TASK TO CARRY OUT: Only the lines below starting at the one that contains "#106=IFCINDEXEDPOLYGONALFACE((19,20,24,23));" and ending at the one that contains "#116=IFCINDEXEDPOLYGONALFACE((39,40,42,41));" are to be reproduced, exactly and with both ends kept.

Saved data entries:
>>>>

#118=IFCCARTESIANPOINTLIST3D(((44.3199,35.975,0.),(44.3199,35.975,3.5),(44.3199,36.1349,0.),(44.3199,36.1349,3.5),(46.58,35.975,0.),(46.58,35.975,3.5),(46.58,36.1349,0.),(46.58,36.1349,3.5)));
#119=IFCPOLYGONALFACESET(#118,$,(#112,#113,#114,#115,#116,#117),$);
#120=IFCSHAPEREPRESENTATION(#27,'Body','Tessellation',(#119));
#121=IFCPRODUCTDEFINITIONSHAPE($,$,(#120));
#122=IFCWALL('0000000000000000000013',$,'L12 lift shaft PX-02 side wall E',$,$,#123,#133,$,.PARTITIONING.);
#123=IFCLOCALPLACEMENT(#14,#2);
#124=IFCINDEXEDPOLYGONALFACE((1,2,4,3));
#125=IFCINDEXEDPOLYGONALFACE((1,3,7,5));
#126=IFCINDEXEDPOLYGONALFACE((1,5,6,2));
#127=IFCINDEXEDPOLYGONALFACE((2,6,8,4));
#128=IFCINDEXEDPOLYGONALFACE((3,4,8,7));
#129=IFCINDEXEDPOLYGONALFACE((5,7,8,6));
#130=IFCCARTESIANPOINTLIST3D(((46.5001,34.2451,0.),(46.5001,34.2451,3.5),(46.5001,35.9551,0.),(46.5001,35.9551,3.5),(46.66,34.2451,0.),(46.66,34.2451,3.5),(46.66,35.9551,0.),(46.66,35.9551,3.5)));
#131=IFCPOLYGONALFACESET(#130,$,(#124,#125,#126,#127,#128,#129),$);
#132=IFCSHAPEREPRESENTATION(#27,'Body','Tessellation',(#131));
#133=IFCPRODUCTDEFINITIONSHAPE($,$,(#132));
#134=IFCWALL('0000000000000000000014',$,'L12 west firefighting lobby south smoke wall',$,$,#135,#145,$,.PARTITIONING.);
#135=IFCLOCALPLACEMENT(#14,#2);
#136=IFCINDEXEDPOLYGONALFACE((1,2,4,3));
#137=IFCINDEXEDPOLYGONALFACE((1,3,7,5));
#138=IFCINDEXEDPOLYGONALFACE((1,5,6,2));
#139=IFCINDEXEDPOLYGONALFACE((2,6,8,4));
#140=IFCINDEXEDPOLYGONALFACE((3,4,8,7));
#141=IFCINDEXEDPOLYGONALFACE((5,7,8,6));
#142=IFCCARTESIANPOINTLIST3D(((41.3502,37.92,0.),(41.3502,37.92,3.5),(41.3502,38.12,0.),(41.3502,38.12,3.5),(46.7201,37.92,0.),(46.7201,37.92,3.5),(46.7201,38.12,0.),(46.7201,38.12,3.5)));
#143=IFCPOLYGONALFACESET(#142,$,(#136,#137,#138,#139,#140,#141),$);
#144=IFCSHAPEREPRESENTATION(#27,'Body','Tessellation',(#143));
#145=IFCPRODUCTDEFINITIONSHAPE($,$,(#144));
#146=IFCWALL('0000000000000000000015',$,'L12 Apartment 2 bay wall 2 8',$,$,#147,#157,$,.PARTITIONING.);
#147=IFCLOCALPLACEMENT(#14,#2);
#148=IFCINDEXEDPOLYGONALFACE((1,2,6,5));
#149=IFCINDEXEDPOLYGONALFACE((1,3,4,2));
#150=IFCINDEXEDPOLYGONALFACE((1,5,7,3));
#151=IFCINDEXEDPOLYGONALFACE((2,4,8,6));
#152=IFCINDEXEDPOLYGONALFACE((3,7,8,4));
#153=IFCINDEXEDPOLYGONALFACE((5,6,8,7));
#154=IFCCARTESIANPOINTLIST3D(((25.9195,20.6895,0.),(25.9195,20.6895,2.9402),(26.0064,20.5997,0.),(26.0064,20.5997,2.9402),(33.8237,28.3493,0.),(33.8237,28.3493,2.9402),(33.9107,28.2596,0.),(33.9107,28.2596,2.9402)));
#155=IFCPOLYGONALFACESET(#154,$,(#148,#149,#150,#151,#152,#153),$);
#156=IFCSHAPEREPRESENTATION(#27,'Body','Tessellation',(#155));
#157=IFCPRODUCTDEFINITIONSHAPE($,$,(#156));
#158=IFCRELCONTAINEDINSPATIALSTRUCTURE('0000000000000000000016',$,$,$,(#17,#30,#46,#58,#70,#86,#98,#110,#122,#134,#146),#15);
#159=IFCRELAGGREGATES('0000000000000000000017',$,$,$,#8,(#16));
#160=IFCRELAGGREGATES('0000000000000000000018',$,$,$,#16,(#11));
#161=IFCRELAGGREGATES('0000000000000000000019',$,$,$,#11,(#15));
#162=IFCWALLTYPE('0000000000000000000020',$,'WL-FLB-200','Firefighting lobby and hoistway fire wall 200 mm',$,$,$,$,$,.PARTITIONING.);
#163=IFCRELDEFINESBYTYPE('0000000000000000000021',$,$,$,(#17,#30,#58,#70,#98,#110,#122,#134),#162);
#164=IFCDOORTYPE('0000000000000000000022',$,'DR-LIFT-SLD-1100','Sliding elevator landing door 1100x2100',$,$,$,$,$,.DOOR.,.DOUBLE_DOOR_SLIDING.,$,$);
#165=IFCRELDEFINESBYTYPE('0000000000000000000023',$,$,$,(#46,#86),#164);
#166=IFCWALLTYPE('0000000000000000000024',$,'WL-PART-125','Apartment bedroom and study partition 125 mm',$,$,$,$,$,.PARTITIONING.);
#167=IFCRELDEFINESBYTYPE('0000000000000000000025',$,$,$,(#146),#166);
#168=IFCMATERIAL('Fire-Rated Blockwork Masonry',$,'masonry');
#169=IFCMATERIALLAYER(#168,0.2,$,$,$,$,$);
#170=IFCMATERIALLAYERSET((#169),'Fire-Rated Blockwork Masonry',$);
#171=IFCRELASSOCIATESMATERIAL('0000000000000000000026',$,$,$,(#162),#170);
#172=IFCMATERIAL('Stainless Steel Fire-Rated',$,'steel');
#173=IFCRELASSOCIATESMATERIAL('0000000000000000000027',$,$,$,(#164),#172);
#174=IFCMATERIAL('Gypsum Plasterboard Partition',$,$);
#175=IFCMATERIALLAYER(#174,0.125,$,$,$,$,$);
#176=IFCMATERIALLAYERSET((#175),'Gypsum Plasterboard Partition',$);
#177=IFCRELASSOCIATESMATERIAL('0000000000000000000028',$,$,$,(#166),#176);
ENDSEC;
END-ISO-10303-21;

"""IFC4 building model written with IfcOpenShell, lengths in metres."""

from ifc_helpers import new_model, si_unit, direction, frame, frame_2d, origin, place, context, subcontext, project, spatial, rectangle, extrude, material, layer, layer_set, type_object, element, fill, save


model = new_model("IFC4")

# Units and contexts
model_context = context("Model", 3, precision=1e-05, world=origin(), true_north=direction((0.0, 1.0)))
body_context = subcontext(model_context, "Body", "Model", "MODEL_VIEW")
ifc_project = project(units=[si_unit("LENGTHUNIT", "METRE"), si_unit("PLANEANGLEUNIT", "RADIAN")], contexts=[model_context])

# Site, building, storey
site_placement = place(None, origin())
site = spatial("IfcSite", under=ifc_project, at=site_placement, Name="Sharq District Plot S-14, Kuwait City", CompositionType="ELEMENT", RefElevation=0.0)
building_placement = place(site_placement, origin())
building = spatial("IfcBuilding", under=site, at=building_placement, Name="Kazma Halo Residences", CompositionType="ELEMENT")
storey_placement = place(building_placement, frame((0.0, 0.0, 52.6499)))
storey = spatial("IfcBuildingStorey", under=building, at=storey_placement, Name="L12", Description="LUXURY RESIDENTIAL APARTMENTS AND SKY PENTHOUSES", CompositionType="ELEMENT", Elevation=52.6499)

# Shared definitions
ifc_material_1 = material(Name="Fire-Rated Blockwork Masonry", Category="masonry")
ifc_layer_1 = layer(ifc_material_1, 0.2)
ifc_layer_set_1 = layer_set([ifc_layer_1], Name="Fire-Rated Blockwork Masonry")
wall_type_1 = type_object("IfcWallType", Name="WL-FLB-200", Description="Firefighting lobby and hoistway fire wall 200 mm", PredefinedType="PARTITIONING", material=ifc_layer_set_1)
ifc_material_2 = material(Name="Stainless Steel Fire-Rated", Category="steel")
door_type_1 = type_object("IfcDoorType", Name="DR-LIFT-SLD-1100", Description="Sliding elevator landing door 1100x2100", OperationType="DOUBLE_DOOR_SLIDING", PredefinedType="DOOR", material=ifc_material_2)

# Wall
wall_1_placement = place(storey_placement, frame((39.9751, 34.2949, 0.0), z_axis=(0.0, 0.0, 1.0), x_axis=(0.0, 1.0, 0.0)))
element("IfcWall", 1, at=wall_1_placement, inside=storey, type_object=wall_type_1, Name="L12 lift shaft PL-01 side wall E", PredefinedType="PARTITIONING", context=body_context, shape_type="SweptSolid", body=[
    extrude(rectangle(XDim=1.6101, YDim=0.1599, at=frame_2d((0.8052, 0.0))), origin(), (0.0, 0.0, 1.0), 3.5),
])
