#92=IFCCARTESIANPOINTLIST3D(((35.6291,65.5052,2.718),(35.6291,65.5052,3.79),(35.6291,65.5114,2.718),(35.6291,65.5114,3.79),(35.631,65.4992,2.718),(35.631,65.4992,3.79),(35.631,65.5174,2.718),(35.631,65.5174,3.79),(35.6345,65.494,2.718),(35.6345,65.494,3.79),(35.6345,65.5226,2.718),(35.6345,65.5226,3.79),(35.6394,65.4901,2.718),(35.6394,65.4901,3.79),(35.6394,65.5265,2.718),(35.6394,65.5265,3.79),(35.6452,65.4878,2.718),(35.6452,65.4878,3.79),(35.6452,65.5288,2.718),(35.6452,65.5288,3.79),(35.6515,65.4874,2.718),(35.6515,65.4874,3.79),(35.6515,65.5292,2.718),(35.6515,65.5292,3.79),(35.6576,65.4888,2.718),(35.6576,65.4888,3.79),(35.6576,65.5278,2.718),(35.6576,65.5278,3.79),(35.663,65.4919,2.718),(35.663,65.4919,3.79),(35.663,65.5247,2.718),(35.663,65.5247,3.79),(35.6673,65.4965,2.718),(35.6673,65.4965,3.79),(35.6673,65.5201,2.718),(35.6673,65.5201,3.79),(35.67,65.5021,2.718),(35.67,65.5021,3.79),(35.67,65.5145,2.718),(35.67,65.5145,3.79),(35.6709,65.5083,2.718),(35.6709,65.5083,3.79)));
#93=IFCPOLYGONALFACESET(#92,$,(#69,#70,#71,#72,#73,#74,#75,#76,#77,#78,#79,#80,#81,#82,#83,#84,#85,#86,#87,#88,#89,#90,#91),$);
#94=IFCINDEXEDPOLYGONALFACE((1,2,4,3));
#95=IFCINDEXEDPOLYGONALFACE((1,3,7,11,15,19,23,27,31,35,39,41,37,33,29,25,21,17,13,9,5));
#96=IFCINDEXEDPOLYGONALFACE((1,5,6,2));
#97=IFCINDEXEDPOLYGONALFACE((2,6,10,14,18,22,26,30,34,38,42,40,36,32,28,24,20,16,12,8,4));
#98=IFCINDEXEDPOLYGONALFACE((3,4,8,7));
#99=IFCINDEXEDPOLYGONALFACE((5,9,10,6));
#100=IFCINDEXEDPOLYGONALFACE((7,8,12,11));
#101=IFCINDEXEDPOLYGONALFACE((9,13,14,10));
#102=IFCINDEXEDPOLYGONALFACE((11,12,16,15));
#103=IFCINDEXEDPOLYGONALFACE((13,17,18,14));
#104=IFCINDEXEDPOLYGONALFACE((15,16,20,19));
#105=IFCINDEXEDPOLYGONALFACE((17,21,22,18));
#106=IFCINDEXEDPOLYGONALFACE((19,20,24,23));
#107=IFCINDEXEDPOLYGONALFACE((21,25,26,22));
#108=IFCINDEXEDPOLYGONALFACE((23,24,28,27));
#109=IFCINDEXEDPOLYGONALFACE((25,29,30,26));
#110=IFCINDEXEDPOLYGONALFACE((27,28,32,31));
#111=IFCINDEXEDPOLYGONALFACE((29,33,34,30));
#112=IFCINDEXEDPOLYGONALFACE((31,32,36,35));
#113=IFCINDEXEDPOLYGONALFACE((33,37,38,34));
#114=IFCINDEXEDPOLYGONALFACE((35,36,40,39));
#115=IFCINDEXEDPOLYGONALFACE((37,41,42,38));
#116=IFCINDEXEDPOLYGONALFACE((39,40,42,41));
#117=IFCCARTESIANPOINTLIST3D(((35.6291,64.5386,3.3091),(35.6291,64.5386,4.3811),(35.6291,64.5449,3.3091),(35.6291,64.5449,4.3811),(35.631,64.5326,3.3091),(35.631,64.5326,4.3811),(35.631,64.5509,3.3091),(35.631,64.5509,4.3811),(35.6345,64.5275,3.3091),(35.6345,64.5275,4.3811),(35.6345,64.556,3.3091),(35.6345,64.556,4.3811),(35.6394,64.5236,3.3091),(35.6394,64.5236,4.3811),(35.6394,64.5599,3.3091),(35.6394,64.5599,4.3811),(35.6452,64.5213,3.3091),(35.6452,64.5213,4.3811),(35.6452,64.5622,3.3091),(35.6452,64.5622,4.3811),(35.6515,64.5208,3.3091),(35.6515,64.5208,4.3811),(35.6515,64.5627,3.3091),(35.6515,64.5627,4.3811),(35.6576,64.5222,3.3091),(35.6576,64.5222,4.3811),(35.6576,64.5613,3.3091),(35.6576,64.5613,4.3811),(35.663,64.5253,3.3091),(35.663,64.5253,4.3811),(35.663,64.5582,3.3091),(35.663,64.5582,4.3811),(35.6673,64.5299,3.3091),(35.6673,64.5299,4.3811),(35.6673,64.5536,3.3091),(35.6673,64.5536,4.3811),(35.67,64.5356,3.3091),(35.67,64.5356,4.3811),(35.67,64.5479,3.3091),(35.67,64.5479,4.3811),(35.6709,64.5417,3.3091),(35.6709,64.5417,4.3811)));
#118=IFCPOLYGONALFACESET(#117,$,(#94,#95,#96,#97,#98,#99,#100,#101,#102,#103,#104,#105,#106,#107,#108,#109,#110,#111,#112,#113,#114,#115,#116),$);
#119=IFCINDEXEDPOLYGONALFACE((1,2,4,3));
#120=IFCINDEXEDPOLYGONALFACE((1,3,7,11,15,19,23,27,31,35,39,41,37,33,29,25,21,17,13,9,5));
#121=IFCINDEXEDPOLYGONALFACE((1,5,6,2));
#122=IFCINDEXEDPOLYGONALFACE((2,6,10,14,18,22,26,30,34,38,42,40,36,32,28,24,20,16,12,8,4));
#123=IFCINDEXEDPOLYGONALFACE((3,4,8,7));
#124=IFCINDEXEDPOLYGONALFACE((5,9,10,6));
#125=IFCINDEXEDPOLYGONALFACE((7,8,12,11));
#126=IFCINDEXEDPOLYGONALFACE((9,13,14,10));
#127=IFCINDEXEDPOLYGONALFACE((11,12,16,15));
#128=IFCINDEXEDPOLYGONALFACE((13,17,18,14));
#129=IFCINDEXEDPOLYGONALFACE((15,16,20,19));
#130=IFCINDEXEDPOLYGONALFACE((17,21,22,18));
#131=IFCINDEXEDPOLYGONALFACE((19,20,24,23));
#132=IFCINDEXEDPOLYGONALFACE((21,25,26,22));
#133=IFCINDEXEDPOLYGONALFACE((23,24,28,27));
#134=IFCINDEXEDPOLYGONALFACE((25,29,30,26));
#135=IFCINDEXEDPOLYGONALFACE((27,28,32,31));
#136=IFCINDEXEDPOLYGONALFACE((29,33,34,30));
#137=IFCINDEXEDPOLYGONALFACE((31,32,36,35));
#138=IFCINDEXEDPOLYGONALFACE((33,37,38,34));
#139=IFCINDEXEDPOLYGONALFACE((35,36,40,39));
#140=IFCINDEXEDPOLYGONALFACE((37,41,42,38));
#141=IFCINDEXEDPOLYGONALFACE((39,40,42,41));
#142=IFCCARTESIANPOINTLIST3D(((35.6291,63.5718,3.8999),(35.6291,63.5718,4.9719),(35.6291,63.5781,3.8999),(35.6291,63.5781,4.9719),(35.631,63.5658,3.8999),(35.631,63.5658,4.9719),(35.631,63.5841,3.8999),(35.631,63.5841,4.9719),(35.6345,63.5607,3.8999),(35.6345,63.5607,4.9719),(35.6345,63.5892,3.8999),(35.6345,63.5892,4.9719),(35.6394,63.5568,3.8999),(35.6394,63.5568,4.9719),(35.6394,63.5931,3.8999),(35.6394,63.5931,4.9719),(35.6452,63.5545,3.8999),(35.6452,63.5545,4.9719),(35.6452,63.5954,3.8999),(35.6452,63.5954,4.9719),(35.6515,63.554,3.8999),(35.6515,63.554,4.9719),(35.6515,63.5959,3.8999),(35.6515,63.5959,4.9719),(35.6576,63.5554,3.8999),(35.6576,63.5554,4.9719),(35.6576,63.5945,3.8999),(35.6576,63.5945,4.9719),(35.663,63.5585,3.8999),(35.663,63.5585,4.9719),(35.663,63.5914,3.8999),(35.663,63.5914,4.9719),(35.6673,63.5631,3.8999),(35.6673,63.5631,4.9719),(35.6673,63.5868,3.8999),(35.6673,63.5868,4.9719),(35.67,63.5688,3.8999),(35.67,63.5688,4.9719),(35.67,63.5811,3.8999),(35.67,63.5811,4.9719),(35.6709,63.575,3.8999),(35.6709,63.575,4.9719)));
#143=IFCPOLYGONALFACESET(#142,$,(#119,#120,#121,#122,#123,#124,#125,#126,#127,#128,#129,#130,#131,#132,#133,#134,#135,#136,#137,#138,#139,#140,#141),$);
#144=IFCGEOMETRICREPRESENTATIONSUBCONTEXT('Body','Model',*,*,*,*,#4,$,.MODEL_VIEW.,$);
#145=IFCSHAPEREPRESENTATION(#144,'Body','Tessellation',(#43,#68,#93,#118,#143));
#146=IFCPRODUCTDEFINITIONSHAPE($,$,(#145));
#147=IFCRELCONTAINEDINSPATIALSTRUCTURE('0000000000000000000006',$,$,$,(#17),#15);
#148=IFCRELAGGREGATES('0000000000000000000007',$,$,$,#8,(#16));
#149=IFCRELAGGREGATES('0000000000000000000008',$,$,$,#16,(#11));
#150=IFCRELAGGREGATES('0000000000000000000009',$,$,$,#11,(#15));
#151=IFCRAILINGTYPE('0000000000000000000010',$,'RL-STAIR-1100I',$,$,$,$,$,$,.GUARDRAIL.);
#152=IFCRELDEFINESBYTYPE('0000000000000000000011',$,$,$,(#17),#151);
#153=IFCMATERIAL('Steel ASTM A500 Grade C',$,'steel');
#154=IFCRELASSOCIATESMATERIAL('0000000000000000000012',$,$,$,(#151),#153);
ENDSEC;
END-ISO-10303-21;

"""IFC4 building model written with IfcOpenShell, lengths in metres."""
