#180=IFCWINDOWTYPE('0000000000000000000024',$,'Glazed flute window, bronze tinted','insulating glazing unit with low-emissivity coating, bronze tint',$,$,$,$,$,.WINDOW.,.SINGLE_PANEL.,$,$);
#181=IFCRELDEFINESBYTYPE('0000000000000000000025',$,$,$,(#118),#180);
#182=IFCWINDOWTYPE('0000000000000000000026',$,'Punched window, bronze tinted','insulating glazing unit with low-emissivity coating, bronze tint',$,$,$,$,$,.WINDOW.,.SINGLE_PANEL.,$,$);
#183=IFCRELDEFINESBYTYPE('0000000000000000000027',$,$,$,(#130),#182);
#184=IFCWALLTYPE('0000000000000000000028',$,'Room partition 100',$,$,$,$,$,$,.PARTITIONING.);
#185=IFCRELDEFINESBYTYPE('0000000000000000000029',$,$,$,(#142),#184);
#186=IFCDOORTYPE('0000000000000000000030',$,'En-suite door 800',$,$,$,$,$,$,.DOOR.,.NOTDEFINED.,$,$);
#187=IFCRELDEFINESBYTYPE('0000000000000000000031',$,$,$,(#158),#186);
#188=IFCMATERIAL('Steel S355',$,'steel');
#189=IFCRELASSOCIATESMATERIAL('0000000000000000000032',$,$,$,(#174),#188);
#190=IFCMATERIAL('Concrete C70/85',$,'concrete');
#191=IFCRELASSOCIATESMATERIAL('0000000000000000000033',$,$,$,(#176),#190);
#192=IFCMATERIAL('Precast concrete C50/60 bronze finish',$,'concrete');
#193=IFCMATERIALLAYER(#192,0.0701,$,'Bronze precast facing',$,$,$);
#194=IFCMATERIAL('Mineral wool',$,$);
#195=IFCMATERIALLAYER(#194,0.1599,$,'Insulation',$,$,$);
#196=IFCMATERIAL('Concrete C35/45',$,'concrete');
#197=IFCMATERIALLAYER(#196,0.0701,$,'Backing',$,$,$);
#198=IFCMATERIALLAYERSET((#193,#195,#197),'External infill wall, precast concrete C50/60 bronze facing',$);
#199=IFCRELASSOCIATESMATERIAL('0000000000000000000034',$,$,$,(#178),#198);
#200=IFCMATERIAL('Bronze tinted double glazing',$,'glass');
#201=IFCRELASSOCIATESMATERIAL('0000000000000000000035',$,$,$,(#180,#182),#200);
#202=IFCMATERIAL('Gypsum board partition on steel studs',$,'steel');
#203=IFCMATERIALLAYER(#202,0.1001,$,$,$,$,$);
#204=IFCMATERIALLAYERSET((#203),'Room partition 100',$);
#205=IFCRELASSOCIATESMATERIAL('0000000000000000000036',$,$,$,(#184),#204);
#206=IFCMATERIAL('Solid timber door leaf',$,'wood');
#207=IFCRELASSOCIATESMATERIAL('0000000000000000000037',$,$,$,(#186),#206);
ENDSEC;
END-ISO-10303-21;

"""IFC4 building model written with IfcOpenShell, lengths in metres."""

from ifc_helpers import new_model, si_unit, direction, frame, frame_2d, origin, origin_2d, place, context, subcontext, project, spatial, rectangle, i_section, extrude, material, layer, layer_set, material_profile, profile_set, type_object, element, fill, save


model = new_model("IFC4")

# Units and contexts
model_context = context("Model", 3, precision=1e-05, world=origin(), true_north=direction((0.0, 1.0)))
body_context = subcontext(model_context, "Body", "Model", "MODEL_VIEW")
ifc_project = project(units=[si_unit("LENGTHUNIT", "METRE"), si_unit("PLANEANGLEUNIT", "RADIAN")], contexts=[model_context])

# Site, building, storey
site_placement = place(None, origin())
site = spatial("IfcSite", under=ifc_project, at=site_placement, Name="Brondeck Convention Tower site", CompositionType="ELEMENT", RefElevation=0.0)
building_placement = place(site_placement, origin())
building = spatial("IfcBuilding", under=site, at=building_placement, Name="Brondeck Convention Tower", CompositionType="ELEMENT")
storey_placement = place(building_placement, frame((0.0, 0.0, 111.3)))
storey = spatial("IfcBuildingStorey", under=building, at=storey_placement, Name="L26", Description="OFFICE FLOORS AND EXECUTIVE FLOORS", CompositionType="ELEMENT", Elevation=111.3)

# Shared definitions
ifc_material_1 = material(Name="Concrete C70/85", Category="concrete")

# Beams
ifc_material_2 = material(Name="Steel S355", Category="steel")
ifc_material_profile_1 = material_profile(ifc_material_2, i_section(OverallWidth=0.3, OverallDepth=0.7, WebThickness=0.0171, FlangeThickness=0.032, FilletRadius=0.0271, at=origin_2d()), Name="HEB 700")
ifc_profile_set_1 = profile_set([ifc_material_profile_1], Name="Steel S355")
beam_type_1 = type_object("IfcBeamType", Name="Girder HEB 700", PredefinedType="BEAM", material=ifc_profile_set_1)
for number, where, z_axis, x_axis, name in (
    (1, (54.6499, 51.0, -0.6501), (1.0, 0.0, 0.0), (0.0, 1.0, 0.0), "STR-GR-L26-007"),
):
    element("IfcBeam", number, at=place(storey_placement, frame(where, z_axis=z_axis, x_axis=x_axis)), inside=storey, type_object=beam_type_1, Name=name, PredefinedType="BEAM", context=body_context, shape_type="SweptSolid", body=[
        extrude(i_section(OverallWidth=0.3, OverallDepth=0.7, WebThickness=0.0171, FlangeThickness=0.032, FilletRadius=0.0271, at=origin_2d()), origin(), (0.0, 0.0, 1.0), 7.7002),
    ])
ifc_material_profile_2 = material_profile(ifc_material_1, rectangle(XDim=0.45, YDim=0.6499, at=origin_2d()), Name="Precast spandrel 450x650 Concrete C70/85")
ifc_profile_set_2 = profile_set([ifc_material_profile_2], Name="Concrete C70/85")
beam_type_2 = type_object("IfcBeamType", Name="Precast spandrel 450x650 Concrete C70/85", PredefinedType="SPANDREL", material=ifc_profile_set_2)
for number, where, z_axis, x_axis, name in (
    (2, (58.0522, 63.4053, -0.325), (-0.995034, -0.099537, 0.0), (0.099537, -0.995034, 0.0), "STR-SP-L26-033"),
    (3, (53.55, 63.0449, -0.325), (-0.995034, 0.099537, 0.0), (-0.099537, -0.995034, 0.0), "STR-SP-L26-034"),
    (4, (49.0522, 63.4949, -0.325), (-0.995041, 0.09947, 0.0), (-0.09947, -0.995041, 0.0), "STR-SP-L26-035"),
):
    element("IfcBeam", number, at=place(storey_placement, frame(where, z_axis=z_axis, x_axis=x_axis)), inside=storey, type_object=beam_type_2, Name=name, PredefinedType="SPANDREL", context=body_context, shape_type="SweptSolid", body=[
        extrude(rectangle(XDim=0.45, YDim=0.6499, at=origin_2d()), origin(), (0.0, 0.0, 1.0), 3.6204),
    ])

<<<<

SOLUTION TO THIS EXERCISE:
#106=IFCINDEXEDPOLYGONALFACE((19,20,24,23));
#107=IFCINDEXEDPOLYGONALFACE((21,25,26,22));
#108=IFCINDEXEDPOLYGONALFACE((23,24,28,27));
#109=IFCINDEXEDPOLYGONALFACE((25,29,30,26));
#110=IFCINDEXEDPOLYGONALFACE((27,28,32,31));
#111=IFCINDEXEDPOLYGONALFACE((29,33,34,30));
#112=IFCINDEXEDPOLYGONALFACE((31,32,36,35));
#113=IFCINDEXEDPOLYGONALFACE((33,37,38,34));
#114=IFCINDEXEDPOLYGONALFACE((35,36,40,39));
#115=IFCINDEXEDPOLYGONALFACE((37,41,42,38));
#116=IFCINDEXEDPOLYGONALFACE((39,40,42,41));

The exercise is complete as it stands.